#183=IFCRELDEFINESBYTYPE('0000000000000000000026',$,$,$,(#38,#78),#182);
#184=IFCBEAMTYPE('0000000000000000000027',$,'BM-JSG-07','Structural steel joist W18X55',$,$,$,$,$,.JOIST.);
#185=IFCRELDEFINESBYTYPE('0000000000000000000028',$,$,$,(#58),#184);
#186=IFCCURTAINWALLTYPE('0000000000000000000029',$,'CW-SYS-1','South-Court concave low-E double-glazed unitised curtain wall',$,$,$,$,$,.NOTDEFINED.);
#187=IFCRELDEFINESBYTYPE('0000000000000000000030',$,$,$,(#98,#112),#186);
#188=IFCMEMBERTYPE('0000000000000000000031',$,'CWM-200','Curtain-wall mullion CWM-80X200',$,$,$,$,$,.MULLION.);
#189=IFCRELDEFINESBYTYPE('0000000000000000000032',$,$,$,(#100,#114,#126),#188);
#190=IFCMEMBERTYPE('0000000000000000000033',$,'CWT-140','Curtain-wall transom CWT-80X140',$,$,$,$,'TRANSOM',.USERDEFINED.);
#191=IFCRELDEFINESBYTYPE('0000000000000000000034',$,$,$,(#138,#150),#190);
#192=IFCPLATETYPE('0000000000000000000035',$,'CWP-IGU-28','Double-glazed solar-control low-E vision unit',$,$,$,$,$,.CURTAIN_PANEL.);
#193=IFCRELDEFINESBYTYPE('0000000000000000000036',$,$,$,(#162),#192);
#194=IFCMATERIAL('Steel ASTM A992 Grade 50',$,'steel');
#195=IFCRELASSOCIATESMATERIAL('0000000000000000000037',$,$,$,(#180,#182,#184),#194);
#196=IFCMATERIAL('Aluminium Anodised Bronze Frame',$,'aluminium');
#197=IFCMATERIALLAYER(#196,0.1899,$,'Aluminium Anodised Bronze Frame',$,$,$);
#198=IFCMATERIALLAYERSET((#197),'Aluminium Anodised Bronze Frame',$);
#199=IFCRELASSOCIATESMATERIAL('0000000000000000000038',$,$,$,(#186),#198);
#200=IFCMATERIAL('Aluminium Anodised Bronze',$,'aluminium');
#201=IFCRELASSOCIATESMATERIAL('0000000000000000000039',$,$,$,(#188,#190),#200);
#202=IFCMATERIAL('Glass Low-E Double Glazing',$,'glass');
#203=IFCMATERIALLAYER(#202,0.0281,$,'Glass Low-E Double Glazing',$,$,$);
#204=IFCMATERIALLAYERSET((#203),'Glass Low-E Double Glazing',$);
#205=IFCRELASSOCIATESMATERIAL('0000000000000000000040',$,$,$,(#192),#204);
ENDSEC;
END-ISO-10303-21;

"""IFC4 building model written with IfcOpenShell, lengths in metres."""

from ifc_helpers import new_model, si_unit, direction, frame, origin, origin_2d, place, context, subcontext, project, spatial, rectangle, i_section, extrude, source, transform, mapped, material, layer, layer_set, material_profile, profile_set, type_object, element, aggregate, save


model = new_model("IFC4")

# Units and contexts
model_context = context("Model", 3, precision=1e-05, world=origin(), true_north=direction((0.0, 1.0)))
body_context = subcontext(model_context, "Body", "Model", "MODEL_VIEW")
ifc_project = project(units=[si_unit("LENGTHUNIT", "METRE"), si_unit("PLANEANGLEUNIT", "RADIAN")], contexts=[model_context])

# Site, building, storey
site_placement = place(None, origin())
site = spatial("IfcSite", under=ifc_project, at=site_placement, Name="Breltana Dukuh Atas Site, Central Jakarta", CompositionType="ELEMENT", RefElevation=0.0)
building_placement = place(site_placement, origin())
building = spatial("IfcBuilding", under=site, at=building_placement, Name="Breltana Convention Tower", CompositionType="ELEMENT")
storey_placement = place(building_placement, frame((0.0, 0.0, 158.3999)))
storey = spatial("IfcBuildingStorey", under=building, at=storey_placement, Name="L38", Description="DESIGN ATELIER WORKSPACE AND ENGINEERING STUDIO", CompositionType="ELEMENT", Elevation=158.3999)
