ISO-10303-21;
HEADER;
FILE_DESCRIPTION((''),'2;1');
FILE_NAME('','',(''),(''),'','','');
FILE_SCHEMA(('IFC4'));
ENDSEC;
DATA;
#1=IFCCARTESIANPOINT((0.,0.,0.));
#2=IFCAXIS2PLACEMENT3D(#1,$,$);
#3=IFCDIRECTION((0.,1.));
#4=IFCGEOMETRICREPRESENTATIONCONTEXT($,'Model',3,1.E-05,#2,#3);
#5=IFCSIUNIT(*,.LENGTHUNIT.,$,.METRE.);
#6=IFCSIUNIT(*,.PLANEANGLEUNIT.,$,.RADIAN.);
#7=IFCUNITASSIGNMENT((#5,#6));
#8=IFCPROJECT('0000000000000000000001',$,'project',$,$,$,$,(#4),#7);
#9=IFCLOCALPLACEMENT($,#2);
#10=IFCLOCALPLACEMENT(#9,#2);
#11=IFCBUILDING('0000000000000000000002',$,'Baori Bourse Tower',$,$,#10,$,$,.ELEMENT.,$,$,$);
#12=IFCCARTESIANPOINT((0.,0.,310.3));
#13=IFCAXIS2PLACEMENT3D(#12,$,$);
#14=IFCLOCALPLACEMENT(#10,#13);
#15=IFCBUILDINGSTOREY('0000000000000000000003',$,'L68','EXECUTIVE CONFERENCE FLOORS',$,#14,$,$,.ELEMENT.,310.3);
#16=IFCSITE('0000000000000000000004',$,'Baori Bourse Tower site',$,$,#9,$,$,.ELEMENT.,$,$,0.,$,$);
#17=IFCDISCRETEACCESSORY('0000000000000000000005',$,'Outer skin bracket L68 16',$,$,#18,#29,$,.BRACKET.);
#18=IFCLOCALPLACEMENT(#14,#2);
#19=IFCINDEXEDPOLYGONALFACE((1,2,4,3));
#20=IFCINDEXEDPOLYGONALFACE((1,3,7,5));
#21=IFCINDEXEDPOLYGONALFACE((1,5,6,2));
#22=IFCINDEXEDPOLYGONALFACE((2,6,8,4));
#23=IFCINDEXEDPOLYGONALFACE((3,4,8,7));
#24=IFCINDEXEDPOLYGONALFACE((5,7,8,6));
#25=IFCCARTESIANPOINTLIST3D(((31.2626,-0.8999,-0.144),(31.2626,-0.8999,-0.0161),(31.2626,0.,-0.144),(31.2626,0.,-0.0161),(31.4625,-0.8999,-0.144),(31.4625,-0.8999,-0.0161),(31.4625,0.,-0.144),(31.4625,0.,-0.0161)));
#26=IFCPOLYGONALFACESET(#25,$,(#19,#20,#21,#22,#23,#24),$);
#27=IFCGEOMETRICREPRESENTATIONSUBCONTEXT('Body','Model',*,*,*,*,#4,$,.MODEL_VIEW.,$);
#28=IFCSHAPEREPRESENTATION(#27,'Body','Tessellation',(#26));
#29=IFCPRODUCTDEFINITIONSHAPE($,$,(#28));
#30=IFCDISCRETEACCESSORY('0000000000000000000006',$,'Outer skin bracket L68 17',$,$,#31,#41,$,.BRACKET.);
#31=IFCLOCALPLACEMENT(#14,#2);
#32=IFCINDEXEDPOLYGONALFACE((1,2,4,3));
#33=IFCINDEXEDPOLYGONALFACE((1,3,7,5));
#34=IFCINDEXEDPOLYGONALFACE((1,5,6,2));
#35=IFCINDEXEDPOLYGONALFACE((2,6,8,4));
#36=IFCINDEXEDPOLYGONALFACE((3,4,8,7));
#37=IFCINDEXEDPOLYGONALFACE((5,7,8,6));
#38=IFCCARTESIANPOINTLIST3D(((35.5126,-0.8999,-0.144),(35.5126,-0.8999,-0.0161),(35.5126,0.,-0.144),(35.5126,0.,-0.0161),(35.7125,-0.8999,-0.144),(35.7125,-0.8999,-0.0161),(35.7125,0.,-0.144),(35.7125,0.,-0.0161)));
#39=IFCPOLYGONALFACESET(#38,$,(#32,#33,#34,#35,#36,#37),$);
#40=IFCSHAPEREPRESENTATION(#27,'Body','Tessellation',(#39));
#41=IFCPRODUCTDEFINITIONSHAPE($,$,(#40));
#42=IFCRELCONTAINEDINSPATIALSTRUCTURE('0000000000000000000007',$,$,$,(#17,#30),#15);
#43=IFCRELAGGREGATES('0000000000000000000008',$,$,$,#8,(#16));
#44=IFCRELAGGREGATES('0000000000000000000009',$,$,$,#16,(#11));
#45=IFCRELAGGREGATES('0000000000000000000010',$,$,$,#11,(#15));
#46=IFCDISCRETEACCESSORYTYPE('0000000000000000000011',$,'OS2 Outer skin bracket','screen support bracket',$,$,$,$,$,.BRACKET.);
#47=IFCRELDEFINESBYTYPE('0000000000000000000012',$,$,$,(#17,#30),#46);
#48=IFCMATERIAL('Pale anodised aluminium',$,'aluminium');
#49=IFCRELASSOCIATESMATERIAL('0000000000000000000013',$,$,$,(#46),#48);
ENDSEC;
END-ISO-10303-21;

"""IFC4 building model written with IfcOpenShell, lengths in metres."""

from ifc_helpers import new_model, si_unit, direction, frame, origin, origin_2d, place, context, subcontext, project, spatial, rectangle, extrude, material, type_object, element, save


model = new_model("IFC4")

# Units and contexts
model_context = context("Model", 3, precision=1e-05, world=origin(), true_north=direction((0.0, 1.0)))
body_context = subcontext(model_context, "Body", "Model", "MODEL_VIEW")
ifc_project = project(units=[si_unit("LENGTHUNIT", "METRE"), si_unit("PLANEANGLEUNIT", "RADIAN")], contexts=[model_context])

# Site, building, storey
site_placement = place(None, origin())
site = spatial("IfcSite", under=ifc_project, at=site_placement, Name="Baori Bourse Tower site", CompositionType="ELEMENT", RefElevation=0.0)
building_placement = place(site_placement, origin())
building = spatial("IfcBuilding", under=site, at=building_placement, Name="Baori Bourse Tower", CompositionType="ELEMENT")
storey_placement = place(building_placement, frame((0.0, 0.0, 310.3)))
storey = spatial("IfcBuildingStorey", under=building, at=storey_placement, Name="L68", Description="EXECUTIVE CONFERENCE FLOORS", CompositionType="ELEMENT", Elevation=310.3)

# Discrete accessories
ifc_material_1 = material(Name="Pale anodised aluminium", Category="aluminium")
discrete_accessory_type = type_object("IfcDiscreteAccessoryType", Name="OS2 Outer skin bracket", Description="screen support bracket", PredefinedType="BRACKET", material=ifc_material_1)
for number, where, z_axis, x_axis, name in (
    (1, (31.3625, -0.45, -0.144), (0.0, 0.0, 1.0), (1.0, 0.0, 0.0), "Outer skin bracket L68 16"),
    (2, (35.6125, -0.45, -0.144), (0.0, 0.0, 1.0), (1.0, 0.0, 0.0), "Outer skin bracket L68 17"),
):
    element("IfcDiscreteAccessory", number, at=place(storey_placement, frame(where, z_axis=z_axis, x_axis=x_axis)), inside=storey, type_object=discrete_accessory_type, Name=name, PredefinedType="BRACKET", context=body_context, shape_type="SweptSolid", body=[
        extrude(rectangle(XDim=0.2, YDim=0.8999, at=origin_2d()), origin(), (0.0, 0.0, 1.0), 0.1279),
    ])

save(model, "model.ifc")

==========

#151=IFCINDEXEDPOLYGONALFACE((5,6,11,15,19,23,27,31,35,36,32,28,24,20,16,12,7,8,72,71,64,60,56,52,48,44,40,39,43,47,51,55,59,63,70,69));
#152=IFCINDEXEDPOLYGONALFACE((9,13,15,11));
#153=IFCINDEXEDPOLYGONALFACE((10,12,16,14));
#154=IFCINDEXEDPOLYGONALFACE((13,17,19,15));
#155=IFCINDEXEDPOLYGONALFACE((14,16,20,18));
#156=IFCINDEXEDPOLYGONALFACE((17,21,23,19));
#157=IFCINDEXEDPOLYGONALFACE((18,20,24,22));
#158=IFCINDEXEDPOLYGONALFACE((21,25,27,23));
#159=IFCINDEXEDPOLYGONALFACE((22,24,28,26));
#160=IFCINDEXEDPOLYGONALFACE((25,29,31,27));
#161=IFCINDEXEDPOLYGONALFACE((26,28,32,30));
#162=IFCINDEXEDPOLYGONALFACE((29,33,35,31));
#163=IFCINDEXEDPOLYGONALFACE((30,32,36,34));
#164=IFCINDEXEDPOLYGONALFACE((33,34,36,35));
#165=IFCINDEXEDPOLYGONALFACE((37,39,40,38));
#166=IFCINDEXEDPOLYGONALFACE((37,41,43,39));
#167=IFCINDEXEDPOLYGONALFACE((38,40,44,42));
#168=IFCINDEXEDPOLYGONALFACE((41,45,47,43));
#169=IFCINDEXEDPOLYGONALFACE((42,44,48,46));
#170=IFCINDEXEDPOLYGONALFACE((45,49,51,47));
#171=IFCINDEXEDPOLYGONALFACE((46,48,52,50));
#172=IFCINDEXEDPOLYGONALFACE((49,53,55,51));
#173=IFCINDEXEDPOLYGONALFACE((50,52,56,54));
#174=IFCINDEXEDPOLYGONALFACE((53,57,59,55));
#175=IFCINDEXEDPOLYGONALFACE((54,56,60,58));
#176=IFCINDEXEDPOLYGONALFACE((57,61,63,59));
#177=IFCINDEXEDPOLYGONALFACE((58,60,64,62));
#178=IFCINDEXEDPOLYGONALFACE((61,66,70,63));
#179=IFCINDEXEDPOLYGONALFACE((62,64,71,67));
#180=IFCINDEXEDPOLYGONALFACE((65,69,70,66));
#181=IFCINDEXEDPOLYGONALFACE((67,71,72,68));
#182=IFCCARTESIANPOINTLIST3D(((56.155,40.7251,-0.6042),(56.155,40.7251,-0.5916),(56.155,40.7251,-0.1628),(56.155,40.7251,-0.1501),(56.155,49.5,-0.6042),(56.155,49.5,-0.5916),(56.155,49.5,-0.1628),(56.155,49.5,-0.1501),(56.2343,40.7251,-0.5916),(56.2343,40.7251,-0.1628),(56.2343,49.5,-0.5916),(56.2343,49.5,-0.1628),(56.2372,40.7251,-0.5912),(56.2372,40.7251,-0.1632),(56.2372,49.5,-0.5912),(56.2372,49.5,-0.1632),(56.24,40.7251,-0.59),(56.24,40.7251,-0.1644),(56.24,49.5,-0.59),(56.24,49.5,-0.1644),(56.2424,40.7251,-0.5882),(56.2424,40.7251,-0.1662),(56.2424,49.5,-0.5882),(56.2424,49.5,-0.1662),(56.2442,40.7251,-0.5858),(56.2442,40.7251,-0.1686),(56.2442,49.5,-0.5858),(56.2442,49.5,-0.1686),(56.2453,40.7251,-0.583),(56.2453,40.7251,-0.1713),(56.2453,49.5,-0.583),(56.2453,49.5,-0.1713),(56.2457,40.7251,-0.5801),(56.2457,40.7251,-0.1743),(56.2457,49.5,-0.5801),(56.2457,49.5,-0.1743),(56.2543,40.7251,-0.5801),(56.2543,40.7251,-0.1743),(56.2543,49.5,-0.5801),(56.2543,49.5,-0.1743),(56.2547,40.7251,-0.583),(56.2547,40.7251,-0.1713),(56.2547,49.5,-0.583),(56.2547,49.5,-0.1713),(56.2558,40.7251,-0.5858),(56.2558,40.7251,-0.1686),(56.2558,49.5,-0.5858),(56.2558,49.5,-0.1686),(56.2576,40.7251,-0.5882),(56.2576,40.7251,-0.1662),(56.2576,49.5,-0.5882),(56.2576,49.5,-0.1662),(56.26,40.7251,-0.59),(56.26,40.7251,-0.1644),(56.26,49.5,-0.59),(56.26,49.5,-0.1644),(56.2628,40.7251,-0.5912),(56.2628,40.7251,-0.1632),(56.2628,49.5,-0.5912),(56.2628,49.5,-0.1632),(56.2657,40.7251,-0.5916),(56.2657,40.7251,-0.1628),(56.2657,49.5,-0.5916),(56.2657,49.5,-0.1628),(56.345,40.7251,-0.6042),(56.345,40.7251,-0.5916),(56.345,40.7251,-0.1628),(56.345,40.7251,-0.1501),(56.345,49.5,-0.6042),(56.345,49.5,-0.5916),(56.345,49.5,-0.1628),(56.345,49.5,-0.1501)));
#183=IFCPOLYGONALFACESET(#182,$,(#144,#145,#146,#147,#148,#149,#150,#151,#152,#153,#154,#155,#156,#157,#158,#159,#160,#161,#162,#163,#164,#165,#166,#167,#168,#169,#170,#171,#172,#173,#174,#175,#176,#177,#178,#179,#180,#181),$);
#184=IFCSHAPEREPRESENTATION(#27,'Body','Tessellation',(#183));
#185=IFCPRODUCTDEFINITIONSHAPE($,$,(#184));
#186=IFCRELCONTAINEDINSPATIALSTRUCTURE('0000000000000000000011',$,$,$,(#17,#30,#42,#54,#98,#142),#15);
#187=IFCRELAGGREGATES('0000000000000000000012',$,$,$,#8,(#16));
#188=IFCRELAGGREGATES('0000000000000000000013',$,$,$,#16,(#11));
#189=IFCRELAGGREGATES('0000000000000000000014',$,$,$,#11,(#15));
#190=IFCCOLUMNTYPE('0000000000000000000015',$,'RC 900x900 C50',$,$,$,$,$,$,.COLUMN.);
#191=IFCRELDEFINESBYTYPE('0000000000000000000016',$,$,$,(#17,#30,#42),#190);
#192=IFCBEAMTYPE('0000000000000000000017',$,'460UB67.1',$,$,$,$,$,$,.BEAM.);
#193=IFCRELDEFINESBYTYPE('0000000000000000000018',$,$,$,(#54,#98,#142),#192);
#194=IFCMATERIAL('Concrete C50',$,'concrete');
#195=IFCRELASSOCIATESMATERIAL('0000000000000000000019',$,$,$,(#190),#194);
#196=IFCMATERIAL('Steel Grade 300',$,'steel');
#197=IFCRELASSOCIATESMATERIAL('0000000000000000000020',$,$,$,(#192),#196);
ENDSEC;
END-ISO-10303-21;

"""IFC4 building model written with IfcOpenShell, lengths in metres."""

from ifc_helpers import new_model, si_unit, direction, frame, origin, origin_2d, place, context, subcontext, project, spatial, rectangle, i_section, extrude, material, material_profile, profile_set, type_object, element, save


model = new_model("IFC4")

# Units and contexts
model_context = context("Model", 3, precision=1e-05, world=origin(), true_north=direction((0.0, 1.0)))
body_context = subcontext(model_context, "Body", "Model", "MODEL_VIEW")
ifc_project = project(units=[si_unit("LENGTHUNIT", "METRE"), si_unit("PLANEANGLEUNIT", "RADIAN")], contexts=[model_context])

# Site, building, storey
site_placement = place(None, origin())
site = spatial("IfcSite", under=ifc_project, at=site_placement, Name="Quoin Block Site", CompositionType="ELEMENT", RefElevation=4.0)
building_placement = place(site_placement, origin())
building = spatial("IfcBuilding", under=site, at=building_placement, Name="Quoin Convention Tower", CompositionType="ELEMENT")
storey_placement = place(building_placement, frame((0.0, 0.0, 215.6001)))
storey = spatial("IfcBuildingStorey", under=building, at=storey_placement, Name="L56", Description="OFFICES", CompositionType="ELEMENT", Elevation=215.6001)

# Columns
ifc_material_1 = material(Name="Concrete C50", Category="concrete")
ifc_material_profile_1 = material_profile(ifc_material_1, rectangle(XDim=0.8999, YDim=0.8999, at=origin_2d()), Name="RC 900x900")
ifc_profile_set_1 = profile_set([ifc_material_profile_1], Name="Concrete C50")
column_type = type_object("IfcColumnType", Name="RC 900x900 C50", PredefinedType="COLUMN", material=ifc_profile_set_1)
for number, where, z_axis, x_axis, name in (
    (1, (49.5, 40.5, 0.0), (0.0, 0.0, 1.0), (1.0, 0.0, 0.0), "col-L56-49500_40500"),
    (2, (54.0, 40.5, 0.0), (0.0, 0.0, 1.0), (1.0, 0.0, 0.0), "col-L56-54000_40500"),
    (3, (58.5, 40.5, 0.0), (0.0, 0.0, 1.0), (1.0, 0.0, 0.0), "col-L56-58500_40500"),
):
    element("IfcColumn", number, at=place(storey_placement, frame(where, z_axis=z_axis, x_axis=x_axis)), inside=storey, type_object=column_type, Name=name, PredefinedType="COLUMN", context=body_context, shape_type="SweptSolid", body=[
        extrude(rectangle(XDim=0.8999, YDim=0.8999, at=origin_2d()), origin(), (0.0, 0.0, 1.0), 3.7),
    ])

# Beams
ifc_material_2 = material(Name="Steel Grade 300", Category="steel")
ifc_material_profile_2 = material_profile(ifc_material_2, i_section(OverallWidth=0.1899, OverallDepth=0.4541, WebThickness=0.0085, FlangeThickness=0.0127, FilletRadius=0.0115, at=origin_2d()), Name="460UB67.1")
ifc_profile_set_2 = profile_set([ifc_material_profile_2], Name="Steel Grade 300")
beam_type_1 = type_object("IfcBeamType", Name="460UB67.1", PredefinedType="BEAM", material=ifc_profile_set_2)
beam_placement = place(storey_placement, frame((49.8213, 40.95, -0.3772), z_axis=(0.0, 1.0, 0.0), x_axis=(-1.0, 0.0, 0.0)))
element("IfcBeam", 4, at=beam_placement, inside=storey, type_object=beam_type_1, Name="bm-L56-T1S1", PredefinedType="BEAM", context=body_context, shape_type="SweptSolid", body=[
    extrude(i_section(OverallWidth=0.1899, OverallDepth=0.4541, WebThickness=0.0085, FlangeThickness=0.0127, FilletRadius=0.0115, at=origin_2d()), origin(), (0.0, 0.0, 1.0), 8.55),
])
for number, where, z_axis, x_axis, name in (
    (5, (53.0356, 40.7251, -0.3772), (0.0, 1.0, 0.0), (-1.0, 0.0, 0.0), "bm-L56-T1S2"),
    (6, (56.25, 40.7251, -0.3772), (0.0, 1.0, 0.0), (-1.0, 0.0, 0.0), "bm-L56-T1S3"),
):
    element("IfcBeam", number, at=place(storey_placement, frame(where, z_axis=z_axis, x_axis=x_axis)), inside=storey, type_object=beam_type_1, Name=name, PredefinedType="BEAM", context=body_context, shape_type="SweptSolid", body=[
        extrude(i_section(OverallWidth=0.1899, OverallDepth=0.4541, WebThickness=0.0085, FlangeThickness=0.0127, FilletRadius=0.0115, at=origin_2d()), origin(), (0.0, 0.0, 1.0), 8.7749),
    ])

==========

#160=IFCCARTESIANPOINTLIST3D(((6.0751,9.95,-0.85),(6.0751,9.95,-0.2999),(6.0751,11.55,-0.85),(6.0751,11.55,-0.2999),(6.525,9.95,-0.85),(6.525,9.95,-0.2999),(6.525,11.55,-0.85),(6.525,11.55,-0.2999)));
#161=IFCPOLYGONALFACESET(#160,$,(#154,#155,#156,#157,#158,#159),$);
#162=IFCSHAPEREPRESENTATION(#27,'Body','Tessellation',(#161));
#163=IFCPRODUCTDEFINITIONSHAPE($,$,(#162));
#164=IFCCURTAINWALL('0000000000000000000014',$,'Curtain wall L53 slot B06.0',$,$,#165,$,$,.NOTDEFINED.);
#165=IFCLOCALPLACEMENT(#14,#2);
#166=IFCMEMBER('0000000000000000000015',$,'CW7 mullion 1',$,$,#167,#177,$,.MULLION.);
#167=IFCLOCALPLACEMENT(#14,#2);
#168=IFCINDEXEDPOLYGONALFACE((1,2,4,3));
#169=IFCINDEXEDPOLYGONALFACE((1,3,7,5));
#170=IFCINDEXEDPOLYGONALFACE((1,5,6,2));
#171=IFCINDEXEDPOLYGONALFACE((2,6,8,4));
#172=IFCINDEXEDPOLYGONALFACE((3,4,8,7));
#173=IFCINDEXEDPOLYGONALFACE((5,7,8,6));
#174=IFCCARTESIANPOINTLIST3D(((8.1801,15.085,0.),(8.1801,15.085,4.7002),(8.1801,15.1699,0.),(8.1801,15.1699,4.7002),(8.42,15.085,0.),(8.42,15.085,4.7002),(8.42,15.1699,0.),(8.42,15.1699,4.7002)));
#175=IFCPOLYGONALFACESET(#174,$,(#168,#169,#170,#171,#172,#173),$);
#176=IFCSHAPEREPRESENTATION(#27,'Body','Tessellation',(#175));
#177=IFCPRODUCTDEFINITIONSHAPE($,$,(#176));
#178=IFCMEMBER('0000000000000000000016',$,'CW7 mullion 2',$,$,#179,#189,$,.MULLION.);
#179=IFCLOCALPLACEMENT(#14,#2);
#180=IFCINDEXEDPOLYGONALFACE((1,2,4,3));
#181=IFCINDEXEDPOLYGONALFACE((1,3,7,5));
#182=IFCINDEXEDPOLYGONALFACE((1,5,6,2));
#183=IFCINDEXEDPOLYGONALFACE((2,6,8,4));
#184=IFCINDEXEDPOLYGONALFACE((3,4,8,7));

==========

Wherever the word "glazed" turns up in a line of the entries above, copy that line.

Answer below »
#186=IFCCURTAINWALLTYPE('0000000000000000000029',$,'CW-SYS-1','South-Court concave low-E double-glazed unitised curtain wall',$,$,$,$,$,.NOTDEFINED.);
#192=IFCPLATETYPE('0000000000000000000035',$,'CWP-IGU-28','Double-glazed solar-control low-E vision unit',$,$,$,$,$,.CURTAIN_PANEL.);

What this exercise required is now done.